■ Required work ■
For the word "import", search the records and show each line in which it occurs.

■ Data for analysis ■

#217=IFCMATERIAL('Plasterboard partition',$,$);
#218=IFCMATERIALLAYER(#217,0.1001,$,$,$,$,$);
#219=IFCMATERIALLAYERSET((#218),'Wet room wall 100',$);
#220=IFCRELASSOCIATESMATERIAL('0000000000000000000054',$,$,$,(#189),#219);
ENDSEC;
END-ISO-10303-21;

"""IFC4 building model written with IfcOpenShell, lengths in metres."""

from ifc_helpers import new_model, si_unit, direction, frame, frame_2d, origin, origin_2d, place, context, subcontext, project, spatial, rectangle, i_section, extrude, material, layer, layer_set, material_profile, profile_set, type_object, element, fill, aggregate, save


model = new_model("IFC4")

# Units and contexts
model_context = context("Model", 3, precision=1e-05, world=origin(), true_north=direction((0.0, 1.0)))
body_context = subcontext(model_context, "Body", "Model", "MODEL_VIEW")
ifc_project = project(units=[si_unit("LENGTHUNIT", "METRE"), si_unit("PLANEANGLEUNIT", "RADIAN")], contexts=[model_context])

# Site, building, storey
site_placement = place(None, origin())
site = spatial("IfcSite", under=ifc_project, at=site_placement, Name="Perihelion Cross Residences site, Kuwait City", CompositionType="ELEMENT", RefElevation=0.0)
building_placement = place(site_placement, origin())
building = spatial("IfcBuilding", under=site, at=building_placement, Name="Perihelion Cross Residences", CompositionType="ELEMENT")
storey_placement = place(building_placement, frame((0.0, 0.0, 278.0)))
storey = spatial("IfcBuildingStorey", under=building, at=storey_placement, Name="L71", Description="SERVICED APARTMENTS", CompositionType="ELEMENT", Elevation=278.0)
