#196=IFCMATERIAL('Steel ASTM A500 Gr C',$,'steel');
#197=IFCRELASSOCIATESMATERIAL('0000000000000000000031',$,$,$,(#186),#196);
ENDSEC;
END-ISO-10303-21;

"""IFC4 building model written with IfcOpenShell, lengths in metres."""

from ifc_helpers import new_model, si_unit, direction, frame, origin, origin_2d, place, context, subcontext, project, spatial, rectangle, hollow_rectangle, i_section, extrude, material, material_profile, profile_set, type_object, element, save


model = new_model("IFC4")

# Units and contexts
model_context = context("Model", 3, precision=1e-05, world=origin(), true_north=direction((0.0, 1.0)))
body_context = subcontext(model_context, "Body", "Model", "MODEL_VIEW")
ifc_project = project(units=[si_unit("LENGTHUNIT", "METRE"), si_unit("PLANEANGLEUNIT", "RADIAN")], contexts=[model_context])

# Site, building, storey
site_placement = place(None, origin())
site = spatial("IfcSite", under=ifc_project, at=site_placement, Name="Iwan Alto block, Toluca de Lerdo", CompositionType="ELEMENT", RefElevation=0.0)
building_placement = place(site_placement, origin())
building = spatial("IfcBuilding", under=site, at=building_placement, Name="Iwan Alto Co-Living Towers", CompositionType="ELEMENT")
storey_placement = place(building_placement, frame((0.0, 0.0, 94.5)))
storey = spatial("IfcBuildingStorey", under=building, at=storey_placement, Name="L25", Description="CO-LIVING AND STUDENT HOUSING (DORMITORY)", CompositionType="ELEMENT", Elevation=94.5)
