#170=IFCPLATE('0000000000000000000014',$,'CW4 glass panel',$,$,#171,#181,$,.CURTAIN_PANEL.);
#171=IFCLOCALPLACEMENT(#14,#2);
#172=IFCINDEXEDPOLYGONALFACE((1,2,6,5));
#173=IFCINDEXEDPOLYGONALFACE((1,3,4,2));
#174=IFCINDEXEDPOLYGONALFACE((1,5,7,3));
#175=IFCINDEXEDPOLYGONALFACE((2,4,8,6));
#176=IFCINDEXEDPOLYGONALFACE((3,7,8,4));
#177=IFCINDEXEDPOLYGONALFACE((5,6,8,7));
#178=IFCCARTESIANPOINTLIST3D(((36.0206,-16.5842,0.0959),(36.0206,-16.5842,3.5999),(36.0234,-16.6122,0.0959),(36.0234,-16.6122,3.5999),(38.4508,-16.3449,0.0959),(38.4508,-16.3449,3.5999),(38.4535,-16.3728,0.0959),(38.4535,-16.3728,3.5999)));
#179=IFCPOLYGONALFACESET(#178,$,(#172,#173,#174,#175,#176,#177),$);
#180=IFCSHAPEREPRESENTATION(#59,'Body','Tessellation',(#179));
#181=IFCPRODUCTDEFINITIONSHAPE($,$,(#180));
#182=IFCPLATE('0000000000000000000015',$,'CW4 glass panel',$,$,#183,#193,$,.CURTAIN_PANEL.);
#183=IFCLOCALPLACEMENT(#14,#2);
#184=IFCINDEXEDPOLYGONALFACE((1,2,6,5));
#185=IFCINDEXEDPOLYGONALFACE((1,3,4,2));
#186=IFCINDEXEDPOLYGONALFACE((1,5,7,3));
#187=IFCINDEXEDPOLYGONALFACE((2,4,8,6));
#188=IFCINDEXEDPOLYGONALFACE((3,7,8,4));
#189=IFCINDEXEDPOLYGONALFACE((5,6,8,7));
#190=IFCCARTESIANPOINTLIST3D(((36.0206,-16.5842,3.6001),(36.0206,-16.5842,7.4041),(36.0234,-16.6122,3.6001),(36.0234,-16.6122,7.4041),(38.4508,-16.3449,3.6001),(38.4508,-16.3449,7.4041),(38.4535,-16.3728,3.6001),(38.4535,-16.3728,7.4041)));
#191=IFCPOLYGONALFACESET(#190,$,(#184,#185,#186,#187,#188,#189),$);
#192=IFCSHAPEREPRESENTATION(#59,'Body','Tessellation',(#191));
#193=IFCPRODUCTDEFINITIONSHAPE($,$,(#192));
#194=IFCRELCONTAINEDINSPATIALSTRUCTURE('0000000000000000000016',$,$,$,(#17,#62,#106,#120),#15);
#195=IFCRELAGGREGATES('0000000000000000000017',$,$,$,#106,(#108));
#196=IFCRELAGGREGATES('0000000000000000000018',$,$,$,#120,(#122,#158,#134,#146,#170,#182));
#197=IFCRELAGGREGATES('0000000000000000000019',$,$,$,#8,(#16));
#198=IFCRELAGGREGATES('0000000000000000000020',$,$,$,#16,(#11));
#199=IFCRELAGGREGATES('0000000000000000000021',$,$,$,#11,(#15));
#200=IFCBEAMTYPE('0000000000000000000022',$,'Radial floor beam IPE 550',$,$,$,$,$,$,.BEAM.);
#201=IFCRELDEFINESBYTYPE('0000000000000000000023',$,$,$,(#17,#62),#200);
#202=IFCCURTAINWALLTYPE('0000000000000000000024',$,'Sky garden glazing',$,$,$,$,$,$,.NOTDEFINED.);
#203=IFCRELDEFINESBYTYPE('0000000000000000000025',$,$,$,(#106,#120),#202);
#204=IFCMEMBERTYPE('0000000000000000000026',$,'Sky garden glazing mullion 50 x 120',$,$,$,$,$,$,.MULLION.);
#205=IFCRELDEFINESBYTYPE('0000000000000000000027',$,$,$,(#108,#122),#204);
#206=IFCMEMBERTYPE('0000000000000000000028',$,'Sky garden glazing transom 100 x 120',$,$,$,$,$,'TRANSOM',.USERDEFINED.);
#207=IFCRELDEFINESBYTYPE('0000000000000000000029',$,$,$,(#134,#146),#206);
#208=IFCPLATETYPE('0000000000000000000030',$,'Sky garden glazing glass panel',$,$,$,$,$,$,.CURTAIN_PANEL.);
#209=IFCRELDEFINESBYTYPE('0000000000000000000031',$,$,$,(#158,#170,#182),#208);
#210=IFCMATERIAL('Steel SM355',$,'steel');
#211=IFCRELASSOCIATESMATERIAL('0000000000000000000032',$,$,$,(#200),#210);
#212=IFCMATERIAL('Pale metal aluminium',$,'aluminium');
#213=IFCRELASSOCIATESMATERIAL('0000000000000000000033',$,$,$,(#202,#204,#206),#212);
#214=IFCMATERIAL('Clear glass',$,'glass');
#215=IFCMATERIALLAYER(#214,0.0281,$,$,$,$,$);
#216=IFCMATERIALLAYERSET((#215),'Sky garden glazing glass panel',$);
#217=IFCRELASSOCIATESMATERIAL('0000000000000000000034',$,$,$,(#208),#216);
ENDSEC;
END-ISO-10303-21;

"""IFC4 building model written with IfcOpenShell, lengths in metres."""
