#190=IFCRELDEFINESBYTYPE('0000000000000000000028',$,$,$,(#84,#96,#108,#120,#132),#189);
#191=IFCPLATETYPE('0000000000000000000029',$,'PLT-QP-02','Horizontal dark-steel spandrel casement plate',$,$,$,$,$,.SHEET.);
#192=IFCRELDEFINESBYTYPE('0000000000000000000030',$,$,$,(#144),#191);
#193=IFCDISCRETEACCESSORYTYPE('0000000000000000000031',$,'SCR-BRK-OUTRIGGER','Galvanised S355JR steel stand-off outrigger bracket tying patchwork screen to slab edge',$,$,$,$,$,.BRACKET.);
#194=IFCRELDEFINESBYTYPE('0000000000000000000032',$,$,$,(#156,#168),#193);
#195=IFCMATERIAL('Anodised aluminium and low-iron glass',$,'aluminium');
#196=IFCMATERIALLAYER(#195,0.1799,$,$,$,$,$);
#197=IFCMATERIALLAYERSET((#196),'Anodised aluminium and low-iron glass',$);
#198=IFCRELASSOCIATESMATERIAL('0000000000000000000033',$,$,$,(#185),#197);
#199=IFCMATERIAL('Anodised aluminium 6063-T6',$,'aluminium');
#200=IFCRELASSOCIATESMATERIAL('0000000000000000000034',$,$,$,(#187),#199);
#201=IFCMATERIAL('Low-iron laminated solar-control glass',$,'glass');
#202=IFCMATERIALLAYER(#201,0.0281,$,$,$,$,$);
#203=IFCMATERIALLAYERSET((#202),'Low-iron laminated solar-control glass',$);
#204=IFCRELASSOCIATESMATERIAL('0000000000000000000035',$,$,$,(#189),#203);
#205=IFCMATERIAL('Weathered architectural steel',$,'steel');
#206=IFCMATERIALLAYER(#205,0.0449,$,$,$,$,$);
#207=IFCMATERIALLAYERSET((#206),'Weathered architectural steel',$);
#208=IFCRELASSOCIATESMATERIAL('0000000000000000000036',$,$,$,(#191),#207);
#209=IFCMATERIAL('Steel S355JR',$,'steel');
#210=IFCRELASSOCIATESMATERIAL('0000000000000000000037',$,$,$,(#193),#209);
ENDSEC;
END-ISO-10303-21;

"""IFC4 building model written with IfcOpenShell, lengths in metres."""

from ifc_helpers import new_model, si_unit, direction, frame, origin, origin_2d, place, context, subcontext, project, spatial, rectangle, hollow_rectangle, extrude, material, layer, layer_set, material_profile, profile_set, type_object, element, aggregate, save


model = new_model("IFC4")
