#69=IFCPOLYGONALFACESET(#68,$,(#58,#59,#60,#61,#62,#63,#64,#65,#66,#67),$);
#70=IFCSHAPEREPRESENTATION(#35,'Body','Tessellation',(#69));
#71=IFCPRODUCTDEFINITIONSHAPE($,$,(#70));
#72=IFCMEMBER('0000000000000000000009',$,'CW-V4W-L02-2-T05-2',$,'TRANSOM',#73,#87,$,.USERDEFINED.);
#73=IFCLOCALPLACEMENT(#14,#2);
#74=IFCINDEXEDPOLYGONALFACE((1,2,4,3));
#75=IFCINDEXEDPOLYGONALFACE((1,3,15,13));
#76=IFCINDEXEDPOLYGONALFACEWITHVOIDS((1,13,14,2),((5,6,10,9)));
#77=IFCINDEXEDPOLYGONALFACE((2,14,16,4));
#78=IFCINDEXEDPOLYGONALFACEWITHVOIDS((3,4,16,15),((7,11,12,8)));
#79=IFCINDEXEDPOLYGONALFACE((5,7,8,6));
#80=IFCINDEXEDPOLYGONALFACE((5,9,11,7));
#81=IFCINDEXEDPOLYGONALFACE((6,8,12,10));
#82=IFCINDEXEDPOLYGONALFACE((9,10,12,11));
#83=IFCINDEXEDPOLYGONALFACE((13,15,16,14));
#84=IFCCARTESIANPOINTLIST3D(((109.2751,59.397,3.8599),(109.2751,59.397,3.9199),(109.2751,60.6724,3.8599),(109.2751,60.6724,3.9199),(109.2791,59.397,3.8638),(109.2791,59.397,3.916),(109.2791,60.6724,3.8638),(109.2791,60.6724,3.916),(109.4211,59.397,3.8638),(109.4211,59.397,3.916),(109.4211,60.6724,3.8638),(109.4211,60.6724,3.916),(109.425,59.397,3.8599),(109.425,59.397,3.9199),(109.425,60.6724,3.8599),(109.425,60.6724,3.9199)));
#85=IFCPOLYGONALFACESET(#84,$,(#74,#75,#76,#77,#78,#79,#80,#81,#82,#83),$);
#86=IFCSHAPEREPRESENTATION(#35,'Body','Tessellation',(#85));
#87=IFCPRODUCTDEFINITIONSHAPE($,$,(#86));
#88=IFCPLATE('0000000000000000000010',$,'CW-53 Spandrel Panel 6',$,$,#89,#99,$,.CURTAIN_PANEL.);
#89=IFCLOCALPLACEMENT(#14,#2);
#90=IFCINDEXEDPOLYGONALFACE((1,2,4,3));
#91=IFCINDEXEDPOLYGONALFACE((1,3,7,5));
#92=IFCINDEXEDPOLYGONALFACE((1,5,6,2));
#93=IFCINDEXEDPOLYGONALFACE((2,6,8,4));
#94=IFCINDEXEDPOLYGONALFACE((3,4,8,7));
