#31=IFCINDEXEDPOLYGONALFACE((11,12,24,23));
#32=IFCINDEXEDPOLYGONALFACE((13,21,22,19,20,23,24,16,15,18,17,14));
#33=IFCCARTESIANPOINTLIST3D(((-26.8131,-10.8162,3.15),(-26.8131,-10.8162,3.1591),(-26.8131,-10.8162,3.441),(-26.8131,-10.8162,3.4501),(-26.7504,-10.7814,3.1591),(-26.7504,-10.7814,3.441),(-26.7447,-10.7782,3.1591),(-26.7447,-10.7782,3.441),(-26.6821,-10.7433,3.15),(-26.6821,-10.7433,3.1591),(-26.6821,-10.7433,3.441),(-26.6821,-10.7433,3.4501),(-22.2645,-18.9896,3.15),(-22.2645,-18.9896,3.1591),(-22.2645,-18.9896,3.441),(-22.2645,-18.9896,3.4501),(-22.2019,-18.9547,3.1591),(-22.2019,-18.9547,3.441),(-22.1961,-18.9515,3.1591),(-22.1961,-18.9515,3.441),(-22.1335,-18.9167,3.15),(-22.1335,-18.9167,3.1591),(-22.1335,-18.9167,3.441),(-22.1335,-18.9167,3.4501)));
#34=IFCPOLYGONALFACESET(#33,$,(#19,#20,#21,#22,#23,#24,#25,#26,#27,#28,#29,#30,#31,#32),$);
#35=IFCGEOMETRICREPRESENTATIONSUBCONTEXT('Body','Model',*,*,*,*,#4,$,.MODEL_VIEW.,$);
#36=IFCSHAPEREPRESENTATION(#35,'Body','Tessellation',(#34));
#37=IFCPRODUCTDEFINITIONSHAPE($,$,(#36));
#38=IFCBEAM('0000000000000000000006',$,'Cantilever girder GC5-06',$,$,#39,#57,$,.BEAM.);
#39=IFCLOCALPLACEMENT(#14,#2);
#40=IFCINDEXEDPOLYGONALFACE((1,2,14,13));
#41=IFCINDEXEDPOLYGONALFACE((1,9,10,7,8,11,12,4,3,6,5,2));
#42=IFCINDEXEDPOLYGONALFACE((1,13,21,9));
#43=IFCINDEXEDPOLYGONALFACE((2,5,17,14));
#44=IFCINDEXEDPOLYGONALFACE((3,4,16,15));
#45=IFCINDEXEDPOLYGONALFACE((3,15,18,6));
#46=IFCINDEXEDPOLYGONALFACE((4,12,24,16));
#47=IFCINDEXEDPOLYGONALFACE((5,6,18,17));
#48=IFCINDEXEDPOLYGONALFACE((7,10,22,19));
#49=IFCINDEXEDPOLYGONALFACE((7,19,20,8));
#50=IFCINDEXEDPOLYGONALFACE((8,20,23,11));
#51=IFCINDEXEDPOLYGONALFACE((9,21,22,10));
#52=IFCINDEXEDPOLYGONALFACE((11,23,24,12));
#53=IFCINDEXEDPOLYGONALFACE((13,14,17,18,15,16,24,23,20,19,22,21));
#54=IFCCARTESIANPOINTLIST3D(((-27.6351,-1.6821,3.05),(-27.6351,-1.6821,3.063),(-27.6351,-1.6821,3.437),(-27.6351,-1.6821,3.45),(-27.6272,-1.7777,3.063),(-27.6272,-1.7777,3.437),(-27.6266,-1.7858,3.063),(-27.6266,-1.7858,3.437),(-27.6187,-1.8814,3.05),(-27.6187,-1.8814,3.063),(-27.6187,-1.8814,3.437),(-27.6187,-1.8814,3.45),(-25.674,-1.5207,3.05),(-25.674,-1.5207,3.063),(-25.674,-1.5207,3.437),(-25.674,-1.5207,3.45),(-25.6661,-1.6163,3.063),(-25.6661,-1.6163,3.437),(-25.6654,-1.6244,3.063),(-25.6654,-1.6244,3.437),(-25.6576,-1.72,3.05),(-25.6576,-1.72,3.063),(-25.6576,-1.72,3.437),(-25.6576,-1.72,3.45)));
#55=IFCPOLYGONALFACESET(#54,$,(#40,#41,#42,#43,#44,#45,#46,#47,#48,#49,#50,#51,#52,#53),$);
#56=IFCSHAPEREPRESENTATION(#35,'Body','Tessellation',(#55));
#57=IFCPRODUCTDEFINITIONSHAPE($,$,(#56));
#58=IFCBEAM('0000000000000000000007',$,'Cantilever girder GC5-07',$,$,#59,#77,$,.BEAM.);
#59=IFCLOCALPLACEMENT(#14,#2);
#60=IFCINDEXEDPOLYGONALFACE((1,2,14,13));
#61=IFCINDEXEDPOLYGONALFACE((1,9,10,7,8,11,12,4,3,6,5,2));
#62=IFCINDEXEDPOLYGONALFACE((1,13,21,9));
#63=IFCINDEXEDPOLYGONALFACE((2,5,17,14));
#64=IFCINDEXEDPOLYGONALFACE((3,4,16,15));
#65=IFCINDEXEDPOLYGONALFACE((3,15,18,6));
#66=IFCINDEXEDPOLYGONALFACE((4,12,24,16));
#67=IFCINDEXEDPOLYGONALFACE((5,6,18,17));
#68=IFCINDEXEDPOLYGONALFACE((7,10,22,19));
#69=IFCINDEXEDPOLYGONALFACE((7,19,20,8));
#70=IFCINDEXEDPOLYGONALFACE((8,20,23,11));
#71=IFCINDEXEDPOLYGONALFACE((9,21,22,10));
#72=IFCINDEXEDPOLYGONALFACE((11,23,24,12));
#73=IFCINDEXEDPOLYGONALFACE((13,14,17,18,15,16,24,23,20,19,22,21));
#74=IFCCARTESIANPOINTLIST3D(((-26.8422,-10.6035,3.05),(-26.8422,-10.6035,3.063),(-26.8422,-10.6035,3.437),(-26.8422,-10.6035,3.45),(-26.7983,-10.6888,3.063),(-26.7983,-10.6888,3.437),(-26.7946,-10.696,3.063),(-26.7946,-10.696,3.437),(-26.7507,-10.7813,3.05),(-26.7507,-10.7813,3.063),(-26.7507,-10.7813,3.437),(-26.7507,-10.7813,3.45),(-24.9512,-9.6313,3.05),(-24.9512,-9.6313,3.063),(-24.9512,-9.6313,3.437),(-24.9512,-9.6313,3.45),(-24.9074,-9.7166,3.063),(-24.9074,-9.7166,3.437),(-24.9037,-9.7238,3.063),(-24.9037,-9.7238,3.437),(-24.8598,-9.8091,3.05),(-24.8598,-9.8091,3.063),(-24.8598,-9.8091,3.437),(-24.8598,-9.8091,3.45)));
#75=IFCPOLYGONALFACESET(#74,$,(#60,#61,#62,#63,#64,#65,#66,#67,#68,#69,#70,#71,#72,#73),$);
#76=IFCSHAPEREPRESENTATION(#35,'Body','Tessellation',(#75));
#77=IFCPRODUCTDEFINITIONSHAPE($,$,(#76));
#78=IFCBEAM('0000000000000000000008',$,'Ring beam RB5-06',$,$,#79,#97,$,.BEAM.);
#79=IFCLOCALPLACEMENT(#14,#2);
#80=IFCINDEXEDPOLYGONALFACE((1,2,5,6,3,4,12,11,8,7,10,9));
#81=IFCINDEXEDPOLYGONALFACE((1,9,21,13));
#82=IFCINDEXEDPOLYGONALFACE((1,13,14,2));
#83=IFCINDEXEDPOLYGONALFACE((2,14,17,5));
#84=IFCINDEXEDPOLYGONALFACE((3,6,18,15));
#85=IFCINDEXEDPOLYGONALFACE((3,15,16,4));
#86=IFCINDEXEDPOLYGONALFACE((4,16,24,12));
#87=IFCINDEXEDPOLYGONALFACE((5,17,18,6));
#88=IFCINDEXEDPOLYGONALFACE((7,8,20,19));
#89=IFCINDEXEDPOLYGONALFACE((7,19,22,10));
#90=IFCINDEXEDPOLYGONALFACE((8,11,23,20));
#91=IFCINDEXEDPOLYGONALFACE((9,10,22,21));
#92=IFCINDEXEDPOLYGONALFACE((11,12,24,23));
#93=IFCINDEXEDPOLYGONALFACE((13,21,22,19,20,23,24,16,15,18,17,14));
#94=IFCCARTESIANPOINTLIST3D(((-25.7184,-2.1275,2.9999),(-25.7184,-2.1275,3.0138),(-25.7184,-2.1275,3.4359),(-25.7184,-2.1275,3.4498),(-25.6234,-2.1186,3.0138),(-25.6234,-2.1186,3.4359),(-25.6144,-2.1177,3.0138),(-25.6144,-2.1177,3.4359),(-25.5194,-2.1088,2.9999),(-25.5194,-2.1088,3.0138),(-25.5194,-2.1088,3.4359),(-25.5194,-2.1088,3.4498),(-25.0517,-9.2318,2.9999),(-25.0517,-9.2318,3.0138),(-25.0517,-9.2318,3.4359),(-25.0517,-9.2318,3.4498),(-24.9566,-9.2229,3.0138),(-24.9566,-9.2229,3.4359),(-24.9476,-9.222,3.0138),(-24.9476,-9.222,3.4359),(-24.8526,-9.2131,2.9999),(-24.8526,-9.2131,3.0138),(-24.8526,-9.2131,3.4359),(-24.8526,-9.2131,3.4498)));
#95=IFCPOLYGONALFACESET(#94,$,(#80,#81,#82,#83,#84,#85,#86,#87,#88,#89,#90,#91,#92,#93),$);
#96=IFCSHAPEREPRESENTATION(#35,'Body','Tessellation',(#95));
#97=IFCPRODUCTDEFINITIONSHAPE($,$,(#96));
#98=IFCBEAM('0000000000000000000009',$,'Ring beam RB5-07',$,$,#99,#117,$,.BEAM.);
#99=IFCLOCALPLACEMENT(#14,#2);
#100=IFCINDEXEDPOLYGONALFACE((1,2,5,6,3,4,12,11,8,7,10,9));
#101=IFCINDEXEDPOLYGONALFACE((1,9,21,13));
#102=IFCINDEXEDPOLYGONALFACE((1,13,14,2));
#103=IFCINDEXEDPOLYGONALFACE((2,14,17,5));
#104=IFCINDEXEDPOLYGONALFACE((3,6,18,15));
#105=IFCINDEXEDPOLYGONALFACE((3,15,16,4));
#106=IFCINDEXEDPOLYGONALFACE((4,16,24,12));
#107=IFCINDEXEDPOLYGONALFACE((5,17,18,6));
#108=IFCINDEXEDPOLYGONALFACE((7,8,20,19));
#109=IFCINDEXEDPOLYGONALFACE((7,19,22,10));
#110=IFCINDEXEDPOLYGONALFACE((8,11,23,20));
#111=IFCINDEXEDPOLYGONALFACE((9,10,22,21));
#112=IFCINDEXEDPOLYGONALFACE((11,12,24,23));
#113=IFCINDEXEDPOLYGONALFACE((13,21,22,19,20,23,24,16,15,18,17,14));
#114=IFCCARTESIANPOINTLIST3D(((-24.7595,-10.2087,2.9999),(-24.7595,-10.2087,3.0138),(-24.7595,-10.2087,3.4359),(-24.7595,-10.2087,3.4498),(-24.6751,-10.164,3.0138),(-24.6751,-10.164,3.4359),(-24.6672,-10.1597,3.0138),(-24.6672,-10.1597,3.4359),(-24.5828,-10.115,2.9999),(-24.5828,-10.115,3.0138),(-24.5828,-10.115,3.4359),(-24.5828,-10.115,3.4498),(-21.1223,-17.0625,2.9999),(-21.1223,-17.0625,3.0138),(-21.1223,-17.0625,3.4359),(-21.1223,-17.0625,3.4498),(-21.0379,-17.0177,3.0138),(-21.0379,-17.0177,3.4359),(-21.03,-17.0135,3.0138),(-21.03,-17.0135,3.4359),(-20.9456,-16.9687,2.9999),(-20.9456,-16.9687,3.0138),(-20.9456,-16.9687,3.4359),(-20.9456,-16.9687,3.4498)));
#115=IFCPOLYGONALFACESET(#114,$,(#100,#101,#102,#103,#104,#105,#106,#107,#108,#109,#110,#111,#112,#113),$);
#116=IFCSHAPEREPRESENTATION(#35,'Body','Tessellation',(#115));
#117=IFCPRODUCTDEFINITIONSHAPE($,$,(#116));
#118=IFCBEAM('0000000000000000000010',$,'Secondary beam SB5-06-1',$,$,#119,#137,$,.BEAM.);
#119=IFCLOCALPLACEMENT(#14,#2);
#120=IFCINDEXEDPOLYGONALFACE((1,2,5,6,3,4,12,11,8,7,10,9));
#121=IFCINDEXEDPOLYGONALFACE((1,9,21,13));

■ Solution below ■
from ifc_helpers import new_model, si_unit, direction, frame, frame_2d, origin, origin_2d, place, context, subcontext, project, spatial, rectangle, i_section, extrude, material, layer, layer_set, material_profile, profile_set, type_object, element, fill, aggregate, save
from ifc_helpers import new_model, si_unit, direction, frame, origin, origin_2d, place, context, subcontext, project, spatial, rectangle, hollow_rectangle, i_section, extrude, material, material_profile, profile_set, type_object, element, save
from ifc_helpers import new_model, si_unit, direction, frame, origin, origin_2d, place, context, subcontext, project, spatial, rectangle, hollow_rectangle, extrude, material, layer, layer_set, material_profile, profile_set, type_object, element, aggregate, save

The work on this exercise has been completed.